Your goal => Produce word for word the lines of the data below running from the one that has "#3=IFCDIRECTION((0.,1.));" to the one that has "#40=IFCINDEXEDPOLYGONALFACE((37,39,40,38));", inclusive, and no others.

Collected data entries:
--------------------------------------------------
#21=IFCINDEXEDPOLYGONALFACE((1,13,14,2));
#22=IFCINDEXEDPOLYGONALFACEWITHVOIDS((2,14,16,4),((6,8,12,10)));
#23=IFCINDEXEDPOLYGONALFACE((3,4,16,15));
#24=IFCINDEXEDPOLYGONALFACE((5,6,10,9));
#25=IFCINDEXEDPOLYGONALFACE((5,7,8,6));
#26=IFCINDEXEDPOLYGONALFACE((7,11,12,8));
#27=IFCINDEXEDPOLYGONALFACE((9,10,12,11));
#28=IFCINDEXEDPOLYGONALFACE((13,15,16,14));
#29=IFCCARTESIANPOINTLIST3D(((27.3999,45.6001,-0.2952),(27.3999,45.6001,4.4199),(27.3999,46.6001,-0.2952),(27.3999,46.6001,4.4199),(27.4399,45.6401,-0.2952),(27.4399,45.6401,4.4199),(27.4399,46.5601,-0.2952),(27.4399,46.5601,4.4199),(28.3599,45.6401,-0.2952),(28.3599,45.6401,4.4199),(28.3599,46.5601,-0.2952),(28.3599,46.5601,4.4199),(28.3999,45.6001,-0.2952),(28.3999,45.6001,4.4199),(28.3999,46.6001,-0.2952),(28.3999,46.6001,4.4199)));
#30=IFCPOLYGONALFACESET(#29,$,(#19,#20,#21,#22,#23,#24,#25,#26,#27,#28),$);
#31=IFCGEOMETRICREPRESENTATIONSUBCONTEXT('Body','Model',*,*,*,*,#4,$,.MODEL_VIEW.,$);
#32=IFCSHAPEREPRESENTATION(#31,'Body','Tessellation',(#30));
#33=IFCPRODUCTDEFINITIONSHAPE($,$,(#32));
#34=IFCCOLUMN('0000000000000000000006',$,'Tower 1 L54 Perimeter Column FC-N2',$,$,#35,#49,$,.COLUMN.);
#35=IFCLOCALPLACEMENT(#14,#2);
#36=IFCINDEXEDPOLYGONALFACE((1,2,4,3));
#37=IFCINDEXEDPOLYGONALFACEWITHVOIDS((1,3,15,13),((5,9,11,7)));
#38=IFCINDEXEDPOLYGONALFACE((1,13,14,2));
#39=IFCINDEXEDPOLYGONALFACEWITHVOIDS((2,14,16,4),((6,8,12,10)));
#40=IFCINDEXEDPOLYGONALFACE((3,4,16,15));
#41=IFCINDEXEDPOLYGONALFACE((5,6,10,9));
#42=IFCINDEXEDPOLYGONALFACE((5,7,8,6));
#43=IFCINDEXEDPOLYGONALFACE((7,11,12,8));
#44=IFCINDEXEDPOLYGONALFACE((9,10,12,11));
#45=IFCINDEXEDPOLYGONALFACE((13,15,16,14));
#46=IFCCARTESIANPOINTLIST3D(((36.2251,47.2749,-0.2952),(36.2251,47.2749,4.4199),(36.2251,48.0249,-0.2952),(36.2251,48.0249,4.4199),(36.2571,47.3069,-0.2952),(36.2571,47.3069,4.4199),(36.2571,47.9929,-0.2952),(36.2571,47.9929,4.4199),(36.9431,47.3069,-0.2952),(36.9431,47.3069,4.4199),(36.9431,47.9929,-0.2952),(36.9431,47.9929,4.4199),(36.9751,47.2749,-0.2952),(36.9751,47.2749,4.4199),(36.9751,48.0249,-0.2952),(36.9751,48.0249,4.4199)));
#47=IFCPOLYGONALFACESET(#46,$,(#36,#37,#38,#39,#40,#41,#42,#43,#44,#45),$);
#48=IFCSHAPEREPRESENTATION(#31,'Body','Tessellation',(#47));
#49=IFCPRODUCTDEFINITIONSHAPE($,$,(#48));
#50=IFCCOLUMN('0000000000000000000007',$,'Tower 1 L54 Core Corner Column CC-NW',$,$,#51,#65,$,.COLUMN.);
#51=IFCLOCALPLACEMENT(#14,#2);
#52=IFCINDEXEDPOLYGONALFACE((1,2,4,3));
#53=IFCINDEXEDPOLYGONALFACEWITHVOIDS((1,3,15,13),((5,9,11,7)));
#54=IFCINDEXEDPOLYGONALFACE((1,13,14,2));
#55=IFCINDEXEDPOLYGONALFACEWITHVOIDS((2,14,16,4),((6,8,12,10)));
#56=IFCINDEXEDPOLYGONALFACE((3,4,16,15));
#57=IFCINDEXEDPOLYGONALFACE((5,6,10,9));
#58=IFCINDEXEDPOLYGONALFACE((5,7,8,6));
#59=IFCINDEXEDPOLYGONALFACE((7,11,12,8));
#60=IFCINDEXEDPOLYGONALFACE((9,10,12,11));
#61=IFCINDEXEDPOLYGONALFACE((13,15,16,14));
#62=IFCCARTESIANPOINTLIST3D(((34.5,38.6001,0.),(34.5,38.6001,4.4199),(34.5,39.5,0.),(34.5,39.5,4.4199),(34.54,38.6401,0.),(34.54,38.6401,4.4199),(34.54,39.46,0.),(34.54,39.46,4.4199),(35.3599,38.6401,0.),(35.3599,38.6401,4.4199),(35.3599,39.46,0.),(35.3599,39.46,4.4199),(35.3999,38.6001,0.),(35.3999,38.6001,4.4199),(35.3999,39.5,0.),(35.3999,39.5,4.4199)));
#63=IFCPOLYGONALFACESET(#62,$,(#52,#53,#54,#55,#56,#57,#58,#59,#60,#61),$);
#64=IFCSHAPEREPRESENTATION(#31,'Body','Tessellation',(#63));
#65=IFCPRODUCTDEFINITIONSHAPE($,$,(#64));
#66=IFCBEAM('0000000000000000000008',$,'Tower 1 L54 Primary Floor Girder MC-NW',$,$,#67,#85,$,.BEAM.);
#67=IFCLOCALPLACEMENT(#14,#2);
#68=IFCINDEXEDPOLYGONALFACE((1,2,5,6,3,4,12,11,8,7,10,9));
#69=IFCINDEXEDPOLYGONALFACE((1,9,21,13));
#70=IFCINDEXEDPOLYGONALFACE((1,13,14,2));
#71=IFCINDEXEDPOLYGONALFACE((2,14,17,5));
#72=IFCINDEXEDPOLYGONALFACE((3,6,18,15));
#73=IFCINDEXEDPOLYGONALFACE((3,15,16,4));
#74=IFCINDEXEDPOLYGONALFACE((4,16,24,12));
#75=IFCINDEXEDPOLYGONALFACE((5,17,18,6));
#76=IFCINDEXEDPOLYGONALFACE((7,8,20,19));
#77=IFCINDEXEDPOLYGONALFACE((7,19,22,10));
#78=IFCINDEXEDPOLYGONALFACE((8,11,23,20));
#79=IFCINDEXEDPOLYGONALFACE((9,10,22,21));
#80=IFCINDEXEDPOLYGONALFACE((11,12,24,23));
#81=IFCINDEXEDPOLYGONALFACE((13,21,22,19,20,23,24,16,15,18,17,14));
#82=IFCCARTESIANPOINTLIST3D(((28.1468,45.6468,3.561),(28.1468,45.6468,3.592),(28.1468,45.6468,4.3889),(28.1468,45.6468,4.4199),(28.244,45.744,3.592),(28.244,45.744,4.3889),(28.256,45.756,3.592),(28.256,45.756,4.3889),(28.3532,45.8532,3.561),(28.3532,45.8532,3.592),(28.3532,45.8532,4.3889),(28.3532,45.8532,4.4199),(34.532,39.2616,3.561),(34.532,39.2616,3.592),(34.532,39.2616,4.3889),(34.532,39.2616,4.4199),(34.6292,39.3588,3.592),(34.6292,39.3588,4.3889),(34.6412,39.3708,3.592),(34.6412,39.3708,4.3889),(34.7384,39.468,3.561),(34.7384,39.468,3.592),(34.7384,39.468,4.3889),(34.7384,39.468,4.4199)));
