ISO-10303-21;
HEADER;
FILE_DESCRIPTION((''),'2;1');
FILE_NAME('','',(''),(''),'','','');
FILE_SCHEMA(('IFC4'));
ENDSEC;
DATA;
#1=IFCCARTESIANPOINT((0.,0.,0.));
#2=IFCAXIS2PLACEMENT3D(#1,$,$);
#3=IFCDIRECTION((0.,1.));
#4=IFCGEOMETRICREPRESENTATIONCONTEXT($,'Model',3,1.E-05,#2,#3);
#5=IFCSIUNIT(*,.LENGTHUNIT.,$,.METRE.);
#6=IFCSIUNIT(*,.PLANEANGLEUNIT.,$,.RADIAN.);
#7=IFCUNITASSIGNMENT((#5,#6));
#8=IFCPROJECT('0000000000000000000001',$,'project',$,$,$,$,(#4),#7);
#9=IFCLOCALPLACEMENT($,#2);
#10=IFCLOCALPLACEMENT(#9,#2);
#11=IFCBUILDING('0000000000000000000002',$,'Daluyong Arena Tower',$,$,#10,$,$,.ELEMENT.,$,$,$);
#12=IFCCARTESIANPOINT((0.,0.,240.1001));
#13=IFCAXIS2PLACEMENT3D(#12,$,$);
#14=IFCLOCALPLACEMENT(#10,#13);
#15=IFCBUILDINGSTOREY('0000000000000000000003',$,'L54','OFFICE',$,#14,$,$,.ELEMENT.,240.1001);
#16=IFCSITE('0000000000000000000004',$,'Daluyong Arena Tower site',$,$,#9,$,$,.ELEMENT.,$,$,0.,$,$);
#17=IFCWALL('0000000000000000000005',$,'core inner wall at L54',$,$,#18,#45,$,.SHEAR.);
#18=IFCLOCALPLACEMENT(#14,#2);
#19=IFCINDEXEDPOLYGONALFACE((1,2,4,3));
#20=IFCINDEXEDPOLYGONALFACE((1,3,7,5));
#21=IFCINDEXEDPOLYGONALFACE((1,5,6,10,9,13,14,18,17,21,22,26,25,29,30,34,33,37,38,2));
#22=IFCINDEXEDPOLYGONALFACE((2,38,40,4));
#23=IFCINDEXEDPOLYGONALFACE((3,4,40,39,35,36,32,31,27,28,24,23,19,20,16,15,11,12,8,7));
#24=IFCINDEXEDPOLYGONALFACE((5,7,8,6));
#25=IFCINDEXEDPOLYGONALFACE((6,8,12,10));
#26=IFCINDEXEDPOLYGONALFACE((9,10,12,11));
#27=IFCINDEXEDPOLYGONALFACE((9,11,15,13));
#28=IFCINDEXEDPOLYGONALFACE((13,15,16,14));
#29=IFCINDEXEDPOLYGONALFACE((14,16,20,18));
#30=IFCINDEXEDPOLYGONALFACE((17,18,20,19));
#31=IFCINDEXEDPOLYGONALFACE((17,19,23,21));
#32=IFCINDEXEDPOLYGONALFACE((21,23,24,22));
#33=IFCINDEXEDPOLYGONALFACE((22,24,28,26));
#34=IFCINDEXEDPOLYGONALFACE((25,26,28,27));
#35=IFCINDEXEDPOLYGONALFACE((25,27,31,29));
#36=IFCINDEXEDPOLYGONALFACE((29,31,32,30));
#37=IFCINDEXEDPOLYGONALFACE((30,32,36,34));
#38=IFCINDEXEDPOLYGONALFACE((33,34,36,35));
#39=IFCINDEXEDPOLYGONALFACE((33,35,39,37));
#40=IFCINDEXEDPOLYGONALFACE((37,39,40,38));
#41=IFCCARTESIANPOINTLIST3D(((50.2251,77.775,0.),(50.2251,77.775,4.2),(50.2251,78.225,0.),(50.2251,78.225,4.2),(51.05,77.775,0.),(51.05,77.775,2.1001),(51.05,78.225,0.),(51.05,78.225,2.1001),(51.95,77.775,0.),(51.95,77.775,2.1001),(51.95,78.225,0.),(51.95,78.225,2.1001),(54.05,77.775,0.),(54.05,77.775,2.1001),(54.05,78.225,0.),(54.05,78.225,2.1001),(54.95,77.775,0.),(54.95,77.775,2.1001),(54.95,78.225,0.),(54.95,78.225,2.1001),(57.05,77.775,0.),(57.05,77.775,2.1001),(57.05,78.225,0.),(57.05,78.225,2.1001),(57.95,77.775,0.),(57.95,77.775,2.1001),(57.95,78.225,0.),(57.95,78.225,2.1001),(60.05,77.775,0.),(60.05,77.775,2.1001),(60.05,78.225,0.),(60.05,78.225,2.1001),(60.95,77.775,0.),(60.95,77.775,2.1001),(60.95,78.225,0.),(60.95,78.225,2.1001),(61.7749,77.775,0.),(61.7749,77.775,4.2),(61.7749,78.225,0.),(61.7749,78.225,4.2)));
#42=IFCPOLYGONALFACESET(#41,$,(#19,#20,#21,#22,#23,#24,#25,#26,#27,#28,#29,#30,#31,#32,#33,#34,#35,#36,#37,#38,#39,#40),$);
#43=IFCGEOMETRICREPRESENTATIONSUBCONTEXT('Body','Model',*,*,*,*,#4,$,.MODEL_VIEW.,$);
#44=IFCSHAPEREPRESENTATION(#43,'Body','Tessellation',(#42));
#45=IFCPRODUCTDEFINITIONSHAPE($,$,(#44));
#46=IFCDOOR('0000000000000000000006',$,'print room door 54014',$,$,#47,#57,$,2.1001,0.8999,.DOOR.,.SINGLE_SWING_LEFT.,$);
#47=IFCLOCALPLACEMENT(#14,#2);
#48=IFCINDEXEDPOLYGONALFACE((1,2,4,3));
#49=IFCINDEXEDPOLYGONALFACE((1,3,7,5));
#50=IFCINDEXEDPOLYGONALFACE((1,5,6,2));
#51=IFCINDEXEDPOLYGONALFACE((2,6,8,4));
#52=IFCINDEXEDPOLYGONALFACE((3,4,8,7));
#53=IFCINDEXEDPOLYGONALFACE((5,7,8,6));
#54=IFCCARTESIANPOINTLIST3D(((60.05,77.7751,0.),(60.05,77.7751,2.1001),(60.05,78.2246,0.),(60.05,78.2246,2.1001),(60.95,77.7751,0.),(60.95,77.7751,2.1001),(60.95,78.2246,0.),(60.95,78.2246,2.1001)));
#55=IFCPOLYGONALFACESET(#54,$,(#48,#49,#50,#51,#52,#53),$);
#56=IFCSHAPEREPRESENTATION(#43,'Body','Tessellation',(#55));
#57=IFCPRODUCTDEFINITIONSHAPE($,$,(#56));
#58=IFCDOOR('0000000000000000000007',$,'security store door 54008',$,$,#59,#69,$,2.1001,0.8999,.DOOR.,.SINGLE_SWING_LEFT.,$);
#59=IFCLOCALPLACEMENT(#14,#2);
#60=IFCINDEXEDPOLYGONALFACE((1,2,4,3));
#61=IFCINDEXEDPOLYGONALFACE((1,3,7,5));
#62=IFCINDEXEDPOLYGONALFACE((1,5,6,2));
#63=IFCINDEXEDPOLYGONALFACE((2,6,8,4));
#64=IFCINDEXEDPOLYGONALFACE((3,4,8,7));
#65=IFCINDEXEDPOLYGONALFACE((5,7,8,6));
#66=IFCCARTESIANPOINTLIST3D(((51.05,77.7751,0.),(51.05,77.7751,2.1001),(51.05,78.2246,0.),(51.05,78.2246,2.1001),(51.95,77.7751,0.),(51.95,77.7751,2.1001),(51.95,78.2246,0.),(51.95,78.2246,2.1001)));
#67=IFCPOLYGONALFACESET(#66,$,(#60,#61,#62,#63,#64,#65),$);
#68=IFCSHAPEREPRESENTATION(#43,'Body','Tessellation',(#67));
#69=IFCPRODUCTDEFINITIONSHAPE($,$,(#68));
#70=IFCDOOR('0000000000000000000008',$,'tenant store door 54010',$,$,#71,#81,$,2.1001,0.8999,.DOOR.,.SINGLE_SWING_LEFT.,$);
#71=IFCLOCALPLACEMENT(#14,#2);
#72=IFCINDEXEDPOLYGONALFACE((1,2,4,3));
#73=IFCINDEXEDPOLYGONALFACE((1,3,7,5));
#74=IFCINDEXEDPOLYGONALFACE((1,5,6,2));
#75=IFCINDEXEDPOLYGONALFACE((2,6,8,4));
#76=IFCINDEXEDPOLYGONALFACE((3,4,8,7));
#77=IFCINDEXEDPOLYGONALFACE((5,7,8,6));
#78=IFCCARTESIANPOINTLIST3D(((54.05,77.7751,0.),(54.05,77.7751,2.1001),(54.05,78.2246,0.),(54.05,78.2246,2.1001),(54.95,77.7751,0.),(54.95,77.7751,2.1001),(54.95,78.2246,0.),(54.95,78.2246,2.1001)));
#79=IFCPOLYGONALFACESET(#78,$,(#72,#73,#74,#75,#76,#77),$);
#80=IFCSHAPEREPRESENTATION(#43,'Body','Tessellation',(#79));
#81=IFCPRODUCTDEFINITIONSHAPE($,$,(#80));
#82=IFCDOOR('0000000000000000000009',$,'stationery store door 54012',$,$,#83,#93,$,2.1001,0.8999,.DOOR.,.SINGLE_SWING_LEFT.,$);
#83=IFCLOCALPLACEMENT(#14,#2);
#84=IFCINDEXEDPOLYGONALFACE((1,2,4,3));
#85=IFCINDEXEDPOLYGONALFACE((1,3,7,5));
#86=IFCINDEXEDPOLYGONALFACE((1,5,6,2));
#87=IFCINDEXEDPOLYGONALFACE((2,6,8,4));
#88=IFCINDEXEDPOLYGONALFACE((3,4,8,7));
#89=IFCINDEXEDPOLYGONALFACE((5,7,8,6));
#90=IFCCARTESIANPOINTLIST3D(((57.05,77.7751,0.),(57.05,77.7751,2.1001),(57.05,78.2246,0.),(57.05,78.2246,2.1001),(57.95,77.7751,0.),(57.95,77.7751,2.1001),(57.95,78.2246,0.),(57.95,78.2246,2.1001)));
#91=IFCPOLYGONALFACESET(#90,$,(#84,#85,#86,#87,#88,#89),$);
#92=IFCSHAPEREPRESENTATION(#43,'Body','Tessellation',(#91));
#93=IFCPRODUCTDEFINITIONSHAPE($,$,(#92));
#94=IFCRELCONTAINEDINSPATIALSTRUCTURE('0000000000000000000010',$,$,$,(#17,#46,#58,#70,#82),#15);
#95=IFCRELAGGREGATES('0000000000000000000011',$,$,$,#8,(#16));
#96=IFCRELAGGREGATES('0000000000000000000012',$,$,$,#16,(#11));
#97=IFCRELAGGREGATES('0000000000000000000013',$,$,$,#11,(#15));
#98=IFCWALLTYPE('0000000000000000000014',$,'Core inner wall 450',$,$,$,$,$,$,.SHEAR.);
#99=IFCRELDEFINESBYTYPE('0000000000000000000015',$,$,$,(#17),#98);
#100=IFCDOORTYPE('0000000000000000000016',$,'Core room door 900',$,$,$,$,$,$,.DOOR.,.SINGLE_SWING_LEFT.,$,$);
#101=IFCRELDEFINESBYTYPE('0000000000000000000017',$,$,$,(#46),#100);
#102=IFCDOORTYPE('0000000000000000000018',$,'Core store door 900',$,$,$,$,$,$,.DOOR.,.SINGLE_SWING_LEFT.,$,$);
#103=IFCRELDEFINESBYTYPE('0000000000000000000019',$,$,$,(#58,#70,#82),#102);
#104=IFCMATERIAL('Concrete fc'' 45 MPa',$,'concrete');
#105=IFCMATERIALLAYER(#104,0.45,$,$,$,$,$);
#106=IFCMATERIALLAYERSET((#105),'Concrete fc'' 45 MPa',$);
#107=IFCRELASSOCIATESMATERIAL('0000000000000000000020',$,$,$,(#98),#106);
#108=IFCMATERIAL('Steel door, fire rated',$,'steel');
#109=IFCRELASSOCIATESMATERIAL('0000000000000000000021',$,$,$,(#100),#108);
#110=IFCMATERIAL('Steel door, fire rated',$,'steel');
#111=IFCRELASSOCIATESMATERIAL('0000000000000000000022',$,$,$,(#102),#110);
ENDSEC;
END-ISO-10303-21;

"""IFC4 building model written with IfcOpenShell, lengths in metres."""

from ifc_helpers import new_model, si_unit, direction, frame, frame_2d, origin, place, context, subcontext, project, spatial, rectangle, extrude, material, layer, layer_set, type_object, element, fill, save


model = new_model("IFC4")

# Units and contexts
model_context = context("Model", 3, precision=1e-05, world=origin(), true_north=direction((0.0, 1.0)))
body_context = subcontext(model_context, "Body", "Model", "MODEL_VIEW")
ifc_project = project(units=[si_unit("LENGTHUNIT", "METRE"), si_unit("PLANEANGLEUNIT", "RADIAN")], contexts=[model_context])

# Site, building, storey
site_placement = place(None, origin())
site = spatial("IfcSite", under=ifc_project, at=site_placement, Name="Daluyong Arena Tower site", CompositionType="ELEMENT", RefElevation=0.0)
building_placement = place(site_placement, origin())
building = spatial("IfcBuilding", under=site, at=building_placement, Name="Daluyong Arena Tower", CompositionType="ELEMENT")
storey_placement = place(building_placement, frame((0.0, 0.0, 240.1001)))
storey = spatial("IfcBuildingStorey", under=building, at=storey_placement, Name="L54", Description="OFFICE", CompositionType="ELEMENT", Elevation=240.1001)

# Shared definitions
ifc_material_1 = material(Name="Concrete fc' 45 MPa", Category="concrete")
ifc_layer = layer(ifc_material_1, 0.45)
ifc_layer_set = layer_set([ifc_layer], Name="Concrete fc' 45 MPa")
wall_type = type_object("IfcWallType", Name="Core inner wall 450", PredefinedType="SHEAR", material=ifc_layer_set)
ifc_material_2 = material(Name="Steel door, fire rated", Category="steel")
door_type_1 = type_object("IfcDoorType", Name="Core room door 900", OperationType="SINGLE_SWING_LEFT", PredefinedType="DOOR", material=ifc_material_2)

# Wall, openings, doors
wall_1_placement = place(storey_placement, frame((50.2251, 78.0, 0.0), z_axis=(0.0, 0.0, 1.0), x_axis=(1.0, 0.0, 0.0)))
wall_1 = element("IfcWall", 1, at=wall_1_placement, inside=storey, type_object=wall_type, Name="core inner wall at L54", PredefinedType="SHEAR", context=body_context, shape_type="SweptSolid", body=[
    extrude(rectangle(XDim=11.5498, YDim=0.45, at=frame_2d((5.7749, 0.0))), origin(), (0.0, 0.0, 1.0), 4.2),
])
opening_1_placement = place(wall_1_placement, frame((0.825, 0.0, 0.0)))
opening_1 = element("IfcOpeningElement", 2, at=opening_1_placement, cuts=wall_1, PredefinedType="OPENING", context=body_context, shape_type="SweptSolid", body=[
    extrude(rectangle(XDim=0.8999, YDim=2.1001, at=frame_2d((0.45, 1.05))), frame((0.0, 0.2349, 0.0), z_axis=(0.0, -1.0, 0.0), x_axis=(1.0, 0.0, 0.0)), (0.0, 0.0, 1.0), 0.47),
])
opening_2_placement = place(wall_1_placement, frame((3.825, 0.0, 0.0)))
opening_2 = element("IfcOpeningElement", 3, at=opening_2_placement, cuts=wall_1, PredefinedType="OPENING", context=body_context, shape_type="SweptSolid", body=[
    extrude(rectangle(XDim=0.8999, YDim=2.1001, at=frame_2d((0.45, 1.05))), frame((0.0, 0.2349, 0.0), z_axis=(0.0, -1.0, 0.0), x_axis=(1.0, 0.0, 0.0)), (0.0, 0.0, 1.0), 0.47),
])
opening_3_placement = place(wall_1_placement, frame((6.825, 0.0, 0.0)))
opening_3 = element("IfcOpeningElement", 4, at=opening_3_placement, cuts=wall_1, PredefinedType="OPENING", context=body_context, shape_type="SweptSolid", body=[
    extrude(rectangle(XDim=0.8999, YDim=2.1001, at=frame_2d((0.45, 1.05))), frame((0.0, 0.2349, 0.0), z_axis=(0.0, -1.0, 0.0), x_axis=(1.0, 0.0, 0.0)), (0.0, 0.0, 1.0), 0.47),
])
opening_4_placement = place(wall_1_placement, frame((9.825, 0.0, 0.0)))
opening_4 = element("IfcOpeningElement", 5, at=opening_4_placement, cuts=wall_1, PredefinedType="OPENING", context=body_context, shape_type="SweptSolid", body=[
    extrude(rectangle(XDim=0.8999, YDim=2.1001, at=frame_2d((0.45, 1.05))), frame((0.0, 0.2349, 0.0), z_axis=(0.0, -1.0, 0.0), x_axis=(1.0, 0.0, 0.0)), (0.0, 0.0, 1.0), 0.47),
])
door_1_placement = place(opening_4_placement, origin())
door_1 = element("IfcDoor", 6, at=door_1_placement, inside=storey, type_object=door_type_1, Name="print room door 54014", OperationType="SINGLE_SWING_LEFT", OverallHeight=2.1001, OverallWidth=0.8999, PredefinedType="DOOR", context=body_context, shape_type="SweptSolid", body=[
    extrude(rectangle(XDim=0.8999, YDim=2.1001, at=frame_2d((0.45, 1.05))), frame((0.0, 0.2246, 0.0), z_axis=(0.0, -1.0, 0.0), x_axis=(1.0, 0.0, 0.0)), (0.0, 0.0, 1.0), 0.4495),
])
fill(opening_4, door_1)
ifc_material_3 = material(Name="Steel door, fire rated", Category="steel")
door_type_2 = type_object("IfcDoorType", Name="Core store door 900", OperationType="SINGLE_SWING_LEFT", PredefinedType="DOOR", material=ifc_material_3)
door_2_placement = place(opening_1_placement, origin())
door_2 = element("IfcDoor", 7, at=door_2_placement, inside=storey, type_object=door_type_2, Name="security store door 54008", OperationType="SINGLE_SWING_LEFT", OverallHeight=2.1001, OverallWidth=0.8999, PredefinedType="DOOR", context=body_context, shape_type="SweptSolid", body=[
--------------------------------------------------
Answer to this problem =>
#3=IFCDIRECTION((0.,1.));
#4=IFCGEOMETRICREPRESENTATIONCONTEXT($,'Model',3,1.E-05,#2,#3);
#5=IFCSIUNIT(*,.LENGTHUNIT.,$,.METRE.);
#6=IFCSIUNIT(*,.PLANEANGLEUNIT.,$,.RADIAN.);
#7=IFCUNITASSIGNMENT((#5,#6));
#8=IFCPROJECT('0000000000000000000001',$,'project',$,$,$,$,(#4),#7);
#9=IFCLOCALPLACEMENT($,#2);
#10=IFCLOCALPLACEMENT(#9,#2);
#11=IFCBUILDING('0000000000000000000002',$,'Daluyong Arena Tower',$,$,#10,$,$,.ELEMENT.,$,$,$);
#12=IFCCARTESIANPOINT((0.,0.,240.1001));
#13=IFCAXIS2PLACEMENT3D(#12,$,$);
#14=IFCLOCALPLACEMENT(#10,#13);
#15=IFCBUILDINGSTOREY('0000000000000000000003',$,'L54','OFFICE',$,#14,$,$,.ELEMENT.,240.1001);
#16=IFCSITE('0000000000000000000004',$,'Daluyong Arena Tower site',$,$,#9,$,$,.ELEMENT.,$,$,0.,$,$);
#17=IFCWALL('0000000000000000000005',$,'core inner wall at L54',$,$,#18,#45,$,.SHEAR.);
#18=IFCLOCALPLACEMENT(#14,#2);
#19=IFCINDEXEDPOLYGONALFACE((1,2,4,3));
#20=IFCINDEXEDPOLYGONALFACE((1,3,7,5));
#21=IFCINDEXEDPOLYGONALFACE((1,5,6,10,9,13,14,18,17,21,22,26,25,29,30,34,33,37,38,2));
#22=IFCINDEXEDPOLYGONALFACE((2,38,40,4));
#23=IFCINDEXEDPOLYGONALFACE((3,4,40,39,35,36,32,31,27,28,24,23,19,20,16,15,11,12,8,7));
#24=IFCINDEXEDPOLYGONALFACE((5,7,8,6));
#25=IFCINDEXEDPOLYGONALFACE((6,8,12,10));
#26=IFCINDEXEDPOLYGONALFACE((9,10,12,11));
#27=IFCINDEXEDPOLYGONALFACE((9,11,15,13));
#28=IFCINDEXEDPOLYGONALFACE((13,15,16,14));
#29=IFCINDEXEDPOLYGONALFACE((14,16,20,18));
#30=IFCINDEXEDPOLYGONALFACE((17,18,20,19));
#31=IFCINDEXEDPOLYGONALFACE((17,19,23,21));
#32=IFCINDEXEDPOLYGONALFACE((21,23,24,22));
#33=IFCINDEXEDPOLYGONALFACE((22,24,28,26));
#34=IFCINDEXEDPOLYGONALFACE((25,26,28,27));
#35=IFCINDEXEDPOLYGONALFACE((25,27,31,29));
#36=IFCINDEXEDPOLYGONALFACE((29,31,32,30));
#37=IFCINDEXEDPOLYGONALFACE((30,32,36,34));
#38=IFCINDEXEDPOLYGONALFACE((33,34,36,35));
#39=IFCINDEXEDPOLYGONALFACE((33,35,39,37));
#40=IFCINDEXEDPOLYGONALFACE((37,39,40,38));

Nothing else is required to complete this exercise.